Collected data:
* * *
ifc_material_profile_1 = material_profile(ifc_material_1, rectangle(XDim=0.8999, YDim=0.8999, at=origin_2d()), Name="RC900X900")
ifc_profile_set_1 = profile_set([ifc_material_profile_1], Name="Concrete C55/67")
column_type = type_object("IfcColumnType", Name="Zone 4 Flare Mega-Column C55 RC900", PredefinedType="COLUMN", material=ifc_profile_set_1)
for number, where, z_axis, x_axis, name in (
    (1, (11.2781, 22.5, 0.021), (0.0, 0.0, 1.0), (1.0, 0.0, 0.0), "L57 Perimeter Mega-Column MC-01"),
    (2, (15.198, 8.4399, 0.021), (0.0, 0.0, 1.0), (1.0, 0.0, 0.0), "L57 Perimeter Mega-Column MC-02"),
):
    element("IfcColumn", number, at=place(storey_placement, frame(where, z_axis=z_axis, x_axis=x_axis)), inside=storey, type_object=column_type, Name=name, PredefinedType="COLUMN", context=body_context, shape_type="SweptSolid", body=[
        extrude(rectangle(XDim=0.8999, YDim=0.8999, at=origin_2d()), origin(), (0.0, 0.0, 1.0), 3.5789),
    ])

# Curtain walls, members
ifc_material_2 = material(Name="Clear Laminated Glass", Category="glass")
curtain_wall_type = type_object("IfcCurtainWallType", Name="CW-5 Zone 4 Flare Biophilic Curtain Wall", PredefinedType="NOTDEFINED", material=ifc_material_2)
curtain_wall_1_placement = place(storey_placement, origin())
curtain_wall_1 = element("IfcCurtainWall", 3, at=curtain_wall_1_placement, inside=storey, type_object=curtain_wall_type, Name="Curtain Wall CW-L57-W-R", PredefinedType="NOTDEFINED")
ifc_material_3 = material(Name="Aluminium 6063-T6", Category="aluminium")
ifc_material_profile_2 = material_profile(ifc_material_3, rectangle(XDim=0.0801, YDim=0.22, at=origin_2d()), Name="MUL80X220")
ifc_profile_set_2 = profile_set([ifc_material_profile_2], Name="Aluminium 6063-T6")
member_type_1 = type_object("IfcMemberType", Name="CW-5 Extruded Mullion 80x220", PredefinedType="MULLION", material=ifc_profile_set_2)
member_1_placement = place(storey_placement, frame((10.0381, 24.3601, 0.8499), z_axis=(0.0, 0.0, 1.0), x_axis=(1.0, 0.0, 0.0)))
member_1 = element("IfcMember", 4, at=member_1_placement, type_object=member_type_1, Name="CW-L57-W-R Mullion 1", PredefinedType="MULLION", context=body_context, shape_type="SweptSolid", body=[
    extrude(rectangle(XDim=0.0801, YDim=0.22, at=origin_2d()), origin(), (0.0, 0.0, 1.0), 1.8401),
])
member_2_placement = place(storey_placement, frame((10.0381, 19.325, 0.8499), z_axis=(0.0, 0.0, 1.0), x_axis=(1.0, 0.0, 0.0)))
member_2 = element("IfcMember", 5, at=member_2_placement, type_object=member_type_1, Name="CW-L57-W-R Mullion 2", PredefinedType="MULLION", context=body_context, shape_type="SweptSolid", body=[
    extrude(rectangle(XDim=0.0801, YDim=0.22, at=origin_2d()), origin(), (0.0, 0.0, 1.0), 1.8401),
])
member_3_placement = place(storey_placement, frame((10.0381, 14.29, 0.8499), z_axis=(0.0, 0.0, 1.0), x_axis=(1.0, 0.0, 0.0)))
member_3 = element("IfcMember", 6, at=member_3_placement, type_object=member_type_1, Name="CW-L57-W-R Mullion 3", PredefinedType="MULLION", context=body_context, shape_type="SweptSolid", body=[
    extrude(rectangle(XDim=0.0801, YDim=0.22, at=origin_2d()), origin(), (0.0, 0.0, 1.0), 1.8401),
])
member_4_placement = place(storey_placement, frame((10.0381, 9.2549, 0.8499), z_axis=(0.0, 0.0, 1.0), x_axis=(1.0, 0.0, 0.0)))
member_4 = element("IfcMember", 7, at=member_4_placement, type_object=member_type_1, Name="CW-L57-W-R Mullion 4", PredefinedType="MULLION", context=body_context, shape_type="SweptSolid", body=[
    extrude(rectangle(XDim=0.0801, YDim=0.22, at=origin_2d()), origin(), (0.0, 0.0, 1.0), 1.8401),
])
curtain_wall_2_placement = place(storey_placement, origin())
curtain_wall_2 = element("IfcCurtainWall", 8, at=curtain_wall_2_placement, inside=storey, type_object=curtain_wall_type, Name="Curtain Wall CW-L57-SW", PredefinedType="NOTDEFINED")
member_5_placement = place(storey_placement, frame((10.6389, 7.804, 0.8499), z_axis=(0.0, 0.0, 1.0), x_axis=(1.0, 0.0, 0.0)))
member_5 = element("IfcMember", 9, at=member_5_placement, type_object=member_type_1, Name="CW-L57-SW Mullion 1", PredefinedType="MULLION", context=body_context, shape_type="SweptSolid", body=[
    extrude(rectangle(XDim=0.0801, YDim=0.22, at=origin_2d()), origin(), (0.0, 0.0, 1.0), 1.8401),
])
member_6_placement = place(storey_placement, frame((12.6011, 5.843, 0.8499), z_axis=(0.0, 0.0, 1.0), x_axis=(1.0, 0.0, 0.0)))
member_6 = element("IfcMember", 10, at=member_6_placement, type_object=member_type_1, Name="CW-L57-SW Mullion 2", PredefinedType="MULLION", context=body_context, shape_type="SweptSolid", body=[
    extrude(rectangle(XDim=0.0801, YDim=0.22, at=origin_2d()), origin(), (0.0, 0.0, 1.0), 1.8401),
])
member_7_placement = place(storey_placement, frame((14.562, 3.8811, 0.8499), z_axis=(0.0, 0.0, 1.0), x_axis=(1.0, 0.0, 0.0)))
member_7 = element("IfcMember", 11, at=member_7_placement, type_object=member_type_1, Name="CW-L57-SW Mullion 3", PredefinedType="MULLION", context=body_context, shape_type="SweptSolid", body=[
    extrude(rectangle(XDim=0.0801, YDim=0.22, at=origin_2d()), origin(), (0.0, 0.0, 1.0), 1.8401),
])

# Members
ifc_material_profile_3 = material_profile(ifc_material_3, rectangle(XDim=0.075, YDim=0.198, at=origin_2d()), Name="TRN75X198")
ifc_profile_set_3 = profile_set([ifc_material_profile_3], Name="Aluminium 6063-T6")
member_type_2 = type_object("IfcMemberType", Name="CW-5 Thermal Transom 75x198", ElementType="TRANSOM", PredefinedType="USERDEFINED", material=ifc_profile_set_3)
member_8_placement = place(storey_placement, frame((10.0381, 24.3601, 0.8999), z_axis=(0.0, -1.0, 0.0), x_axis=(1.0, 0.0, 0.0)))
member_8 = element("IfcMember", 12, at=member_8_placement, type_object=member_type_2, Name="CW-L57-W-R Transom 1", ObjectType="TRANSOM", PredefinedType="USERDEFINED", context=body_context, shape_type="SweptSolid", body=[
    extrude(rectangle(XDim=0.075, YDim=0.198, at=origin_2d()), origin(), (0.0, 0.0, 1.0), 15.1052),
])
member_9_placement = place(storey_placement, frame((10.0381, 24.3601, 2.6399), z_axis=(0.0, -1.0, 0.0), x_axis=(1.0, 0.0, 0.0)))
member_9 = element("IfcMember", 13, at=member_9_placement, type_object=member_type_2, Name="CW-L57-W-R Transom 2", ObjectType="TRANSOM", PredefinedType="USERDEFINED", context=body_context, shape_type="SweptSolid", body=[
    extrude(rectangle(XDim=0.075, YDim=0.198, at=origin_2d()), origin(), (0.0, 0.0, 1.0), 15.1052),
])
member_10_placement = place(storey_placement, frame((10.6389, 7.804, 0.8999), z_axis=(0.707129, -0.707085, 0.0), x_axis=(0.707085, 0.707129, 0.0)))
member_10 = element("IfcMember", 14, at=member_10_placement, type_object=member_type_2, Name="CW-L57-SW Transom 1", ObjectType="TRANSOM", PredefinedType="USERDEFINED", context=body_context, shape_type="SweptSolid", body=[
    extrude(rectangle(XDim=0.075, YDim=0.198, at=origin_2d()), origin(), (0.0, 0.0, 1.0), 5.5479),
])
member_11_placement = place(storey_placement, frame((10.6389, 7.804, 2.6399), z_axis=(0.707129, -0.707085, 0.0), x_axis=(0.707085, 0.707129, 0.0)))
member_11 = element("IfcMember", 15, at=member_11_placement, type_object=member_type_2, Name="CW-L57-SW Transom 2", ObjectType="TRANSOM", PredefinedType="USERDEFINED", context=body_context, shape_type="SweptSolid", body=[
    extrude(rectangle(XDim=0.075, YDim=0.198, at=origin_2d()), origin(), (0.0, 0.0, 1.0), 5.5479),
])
* * *
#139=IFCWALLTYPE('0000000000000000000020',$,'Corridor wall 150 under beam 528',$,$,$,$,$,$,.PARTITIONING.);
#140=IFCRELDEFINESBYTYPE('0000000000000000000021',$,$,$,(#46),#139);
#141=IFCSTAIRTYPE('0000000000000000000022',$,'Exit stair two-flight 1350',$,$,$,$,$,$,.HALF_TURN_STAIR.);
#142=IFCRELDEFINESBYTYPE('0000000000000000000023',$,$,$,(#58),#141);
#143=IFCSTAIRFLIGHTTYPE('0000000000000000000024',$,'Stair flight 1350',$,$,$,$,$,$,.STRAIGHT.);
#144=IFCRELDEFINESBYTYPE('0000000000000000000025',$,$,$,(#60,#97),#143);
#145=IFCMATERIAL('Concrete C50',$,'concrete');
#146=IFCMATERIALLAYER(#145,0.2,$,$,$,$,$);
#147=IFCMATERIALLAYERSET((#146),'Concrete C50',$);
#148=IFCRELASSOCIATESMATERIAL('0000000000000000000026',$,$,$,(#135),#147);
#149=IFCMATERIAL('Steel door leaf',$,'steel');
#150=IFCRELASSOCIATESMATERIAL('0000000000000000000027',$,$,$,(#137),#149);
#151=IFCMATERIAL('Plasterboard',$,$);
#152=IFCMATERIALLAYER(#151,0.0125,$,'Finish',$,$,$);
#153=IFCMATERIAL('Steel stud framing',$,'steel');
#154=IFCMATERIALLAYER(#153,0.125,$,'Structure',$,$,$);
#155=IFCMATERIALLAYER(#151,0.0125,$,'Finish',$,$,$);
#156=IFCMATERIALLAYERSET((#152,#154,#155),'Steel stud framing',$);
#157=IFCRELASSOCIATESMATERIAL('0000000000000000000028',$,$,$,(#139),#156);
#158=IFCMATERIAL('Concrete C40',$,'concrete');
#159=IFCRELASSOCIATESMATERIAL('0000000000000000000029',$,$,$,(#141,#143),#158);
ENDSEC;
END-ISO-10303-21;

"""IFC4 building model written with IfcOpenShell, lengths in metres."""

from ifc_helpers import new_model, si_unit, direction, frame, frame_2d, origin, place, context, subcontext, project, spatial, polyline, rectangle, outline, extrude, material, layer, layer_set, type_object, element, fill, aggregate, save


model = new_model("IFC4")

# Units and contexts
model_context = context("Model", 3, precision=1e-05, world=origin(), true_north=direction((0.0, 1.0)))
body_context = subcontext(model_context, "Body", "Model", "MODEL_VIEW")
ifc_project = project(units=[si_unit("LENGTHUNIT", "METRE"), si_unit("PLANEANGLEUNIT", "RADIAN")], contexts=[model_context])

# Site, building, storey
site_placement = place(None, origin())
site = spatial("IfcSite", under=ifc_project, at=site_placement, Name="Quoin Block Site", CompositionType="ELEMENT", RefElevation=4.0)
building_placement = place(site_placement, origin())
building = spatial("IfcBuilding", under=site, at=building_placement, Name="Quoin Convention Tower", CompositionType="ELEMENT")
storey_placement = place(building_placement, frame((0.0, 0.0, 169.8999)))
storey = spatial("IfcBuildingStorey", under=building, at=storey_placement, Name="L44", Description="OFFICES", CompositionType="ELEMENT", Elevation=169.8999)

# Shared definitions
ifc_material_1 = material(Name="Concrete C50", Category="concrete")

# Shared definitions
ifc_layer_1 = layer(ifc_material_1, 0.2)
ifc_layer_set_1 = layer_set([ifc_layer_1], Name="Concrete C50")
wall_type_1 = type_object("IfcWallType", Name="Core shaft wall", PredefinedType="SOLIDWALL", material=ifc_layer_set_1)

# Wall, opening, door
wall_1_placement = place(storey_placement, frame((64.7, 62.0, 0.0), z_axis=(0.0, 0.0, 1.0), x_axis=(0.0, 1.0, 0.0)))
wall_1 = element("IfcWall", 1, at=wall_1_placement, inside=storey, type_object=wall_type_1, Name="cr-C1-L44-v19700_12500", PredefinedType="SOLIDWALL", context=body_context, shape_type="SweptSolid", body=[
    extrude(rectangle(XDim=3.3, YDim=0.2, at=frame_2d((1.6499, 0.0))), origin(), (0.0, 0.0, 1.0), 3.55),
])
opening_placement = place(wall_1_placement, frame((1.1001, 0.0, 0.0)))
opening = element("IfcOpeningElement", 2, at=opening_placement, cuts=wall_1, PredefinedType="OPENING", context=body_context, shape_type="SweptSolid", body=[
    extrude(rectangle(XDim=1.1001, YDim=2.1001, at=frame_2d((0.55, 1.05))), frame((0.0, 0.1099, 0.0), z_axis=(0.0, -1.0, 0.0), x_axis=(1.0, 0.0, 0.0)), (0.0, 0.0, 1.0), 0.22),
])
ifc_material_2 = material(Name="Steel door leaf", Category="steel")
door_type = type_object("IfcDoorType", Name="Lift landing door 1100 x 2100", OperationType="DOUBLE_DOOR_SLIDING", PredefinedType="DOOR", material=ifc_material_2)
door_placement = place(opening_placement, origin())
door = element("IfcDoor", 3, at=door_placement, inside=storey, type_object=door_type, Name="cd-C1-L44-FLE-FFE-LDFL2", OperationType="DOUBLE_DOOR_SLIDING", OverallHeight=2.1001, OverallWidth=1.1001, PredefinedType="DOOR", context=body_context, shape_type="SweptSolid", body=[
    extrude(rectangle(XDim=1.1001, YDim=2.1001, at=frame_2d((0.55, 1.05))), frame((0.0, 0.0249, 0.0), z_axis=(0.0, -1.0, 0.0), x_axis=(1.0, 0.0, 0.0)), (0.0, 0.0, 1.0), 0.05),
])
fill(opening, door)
* * *
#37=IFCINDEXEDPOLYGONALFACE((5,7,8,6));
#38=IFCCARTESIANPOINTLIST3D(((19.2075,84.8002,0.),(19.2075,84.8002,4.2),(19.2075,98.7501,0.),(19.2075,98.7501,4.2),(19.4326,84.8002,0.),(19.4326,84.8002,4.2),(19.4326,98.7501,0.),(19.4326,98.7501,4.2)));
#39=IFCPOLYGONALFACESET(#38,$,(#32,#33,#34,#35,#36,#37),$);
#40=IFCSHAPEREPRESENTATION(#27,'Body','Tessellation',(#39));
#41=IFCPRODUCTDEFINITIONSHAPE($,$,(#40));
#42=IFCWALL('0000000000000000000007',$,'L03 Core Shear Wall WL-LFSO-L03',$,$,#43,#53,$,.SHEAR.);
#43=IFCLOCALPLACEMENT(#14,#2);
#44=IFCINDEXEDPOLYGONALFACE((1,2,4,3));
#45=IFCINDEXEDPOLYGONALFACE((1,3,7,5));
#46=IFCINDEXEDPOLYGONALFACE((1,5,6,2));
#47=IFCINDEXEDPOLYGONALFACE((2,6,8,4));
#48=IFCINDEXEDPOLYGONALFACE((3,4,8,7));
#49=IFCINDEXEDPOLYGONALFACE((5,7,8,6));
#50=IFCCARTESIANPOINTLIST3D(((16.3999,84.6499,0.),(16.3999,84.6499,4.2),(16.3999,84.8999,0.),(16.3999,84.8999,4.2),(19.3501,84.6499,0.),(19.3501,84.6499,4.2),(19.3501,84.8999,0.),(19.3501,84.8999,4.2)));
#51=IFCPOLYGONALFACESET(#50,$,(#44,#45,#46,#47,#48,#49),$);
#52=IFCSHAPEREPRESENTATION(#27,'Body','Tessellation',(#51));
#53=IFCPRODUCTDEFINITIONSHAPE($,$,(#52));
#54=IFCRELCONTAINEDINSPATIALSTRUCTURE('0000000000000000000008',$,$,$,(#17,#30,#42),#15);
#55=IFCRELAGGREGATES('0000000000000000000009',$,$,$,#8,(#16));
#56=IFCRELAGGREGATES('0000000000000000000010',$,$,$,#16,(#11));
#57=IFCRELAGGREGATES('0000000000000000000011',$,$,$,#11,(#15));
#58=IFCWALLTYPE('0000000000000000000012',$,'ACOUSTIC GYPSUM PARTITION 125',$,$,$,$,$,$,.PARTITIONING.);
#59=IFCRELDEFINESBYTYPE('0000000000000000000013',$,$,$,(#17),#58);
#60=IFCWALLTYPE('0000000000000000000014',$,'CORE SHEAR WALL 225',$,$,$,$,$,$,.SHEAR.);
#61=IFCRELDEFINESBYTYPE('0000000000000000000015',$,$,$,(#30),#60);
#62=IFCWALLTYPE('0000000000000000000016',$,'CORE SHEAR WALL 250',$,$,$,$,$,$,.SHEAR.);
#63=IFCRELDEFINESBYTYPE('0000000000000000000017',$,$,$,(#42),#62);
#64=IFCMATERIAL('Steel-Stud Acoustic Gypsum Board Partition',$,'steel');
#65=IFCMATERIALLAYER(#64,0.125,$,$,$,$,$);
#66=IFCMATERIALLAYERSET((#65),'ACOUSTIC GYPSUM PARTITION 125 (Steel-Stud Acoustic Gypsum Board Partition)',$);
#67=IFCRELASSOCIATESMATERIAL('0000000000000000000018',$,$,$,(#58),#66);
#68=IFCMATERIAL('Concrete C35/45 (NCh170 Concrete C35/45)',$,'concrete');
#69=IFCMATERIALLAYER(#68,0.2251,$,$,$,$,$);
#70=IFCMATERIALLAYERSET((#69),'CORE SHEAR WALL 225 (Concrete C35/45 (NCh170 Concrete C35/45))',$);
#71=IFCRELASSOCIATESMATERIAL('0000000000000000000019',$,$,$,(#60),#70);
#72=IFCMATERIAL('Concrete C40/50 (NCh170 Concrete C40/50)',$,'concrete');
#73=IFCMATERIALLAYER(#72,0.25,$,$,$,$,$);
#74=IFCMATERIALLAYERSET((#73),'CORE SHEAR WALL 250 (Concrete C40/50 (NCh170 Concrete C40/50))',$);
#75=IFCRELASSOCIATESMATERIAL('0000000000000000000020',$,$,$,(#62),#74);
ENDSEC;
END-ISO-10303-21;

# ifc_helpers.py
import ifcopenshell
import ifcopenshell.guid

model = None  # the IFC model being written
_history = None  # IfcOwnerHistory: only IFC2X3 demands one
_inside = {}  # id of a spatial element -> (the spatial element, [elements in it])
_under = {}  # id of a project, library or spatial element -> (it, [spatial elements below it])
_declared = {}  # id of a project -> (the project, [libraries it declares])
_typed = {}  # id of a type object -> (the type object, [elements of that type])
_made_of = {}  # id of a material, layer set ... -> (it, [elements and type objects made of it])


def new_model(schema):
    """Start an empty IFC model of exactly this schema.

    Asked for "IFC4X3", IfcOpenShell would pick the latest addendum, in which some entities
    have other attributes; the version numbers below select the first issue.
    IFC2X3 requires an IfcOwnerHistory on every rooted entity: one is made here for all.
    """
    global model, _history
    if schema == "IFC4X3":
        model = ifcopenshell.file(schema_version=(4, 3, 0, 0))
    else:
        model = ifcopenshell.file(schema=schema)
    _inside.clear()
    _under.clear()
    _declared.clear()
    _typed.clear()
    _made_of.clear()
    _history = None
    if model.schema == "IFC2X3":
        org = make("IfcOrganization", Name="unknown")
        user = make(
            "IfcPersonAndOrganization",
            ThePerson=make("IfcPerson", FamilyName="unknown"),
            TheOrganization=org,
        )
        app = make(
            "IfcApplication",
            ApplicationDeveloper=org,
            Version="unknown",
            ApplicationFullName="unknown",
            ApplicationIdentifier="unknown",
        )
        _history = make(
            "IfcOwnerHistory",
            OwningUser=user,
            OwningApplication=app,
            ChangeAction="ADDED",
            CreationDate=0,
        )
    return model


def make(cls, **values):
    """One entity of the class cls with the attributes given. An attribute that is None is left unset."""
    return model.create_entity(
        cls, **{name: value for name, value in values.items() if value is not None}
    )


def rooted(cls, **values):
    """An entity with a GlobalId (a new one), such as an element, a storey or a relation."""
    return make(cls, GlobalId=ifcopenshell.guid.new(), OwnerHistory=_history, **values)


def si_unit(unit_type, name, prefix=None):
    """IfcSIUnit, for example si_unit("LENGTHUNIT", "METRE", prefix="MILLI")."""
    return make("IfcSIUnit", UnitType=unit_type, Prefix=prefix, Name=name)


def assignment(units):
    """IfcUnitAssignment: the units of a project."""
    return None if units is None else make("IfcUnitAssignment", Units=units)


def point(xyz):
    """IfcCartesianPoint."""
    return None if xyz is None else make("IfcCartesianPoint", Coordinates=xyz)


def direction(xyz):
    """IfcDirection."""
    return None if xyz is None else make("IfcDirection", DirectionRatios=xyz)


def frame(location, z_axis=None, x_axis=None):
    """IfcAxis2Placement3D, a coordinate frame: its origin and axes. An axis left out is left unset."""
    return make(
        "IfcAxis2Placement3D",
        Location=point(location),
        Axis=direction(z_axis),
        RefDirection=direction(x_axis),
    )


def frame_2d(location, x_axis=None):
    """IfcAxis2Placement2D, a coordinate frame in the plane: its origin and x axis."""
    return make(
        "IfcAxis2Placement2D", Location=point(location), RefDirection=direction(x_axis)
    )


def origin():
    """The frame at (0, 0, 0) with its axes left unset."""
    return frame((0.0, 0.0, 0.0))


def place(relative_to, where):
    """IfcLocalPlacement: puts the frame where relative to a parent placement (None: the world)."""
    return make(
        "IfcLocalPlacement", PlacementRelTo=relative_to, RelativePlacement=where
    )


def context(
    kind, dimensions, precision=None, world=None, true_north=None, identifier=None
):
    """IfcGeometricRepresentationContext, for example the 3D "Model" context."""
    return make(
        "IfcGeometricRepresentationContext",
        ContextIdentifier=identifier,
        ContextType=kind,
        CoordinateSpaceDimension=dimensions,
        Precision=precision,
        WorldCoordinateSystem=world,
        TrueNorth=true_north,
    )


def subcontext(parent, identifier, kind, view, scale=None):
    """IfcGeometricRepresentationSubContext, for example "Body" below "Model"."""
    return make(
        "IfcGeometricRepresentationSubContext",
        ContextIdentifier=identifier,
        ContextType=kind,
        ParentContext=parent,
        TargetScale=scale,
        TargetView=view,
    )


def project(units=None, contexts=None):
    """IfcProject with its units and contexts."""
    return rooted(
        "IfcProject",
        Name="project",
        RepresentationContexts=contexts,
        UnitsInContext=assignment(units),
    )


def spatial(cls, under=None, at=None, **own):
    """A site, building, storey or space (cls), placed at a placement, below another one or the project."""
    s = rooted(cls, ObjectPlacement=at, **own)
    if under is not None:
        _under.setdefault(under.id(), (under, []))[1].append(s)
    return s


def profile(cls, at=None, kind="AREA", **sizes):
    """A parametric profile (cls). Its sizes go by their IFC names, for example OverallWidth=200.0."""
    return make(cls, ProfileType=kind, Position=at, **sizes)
* * *
Show all lines from the data above in which the word "IFCMATERIALLAYERSET" appears.

- _Answer to the exercise_:
#147=IFCMATERIALLAYERSET((#146),'Concrete C50',$);
#156=IFCMATERIALLAYERSET((#152,#154,#155),'Steel stud framing',$);
#66=IFCMATERIALLAYERSET((#65),'ACOUSTIC GYPSUM PARTITION 125 (Steel-Stud Acoustic Gypsum Board Partition)',$);
#70=IFCMATERIALLAYERSET((#69),'CORE SHEAR WALL 225 (Concrete C35/45 (NCh170 Concrete C35/45))',$);
#74=IFCMATERIALLAYERSET((#73),'CORE SHEAR WALL 250 (Concrete C40/50 (NCh170 Concrete C40/50))',$);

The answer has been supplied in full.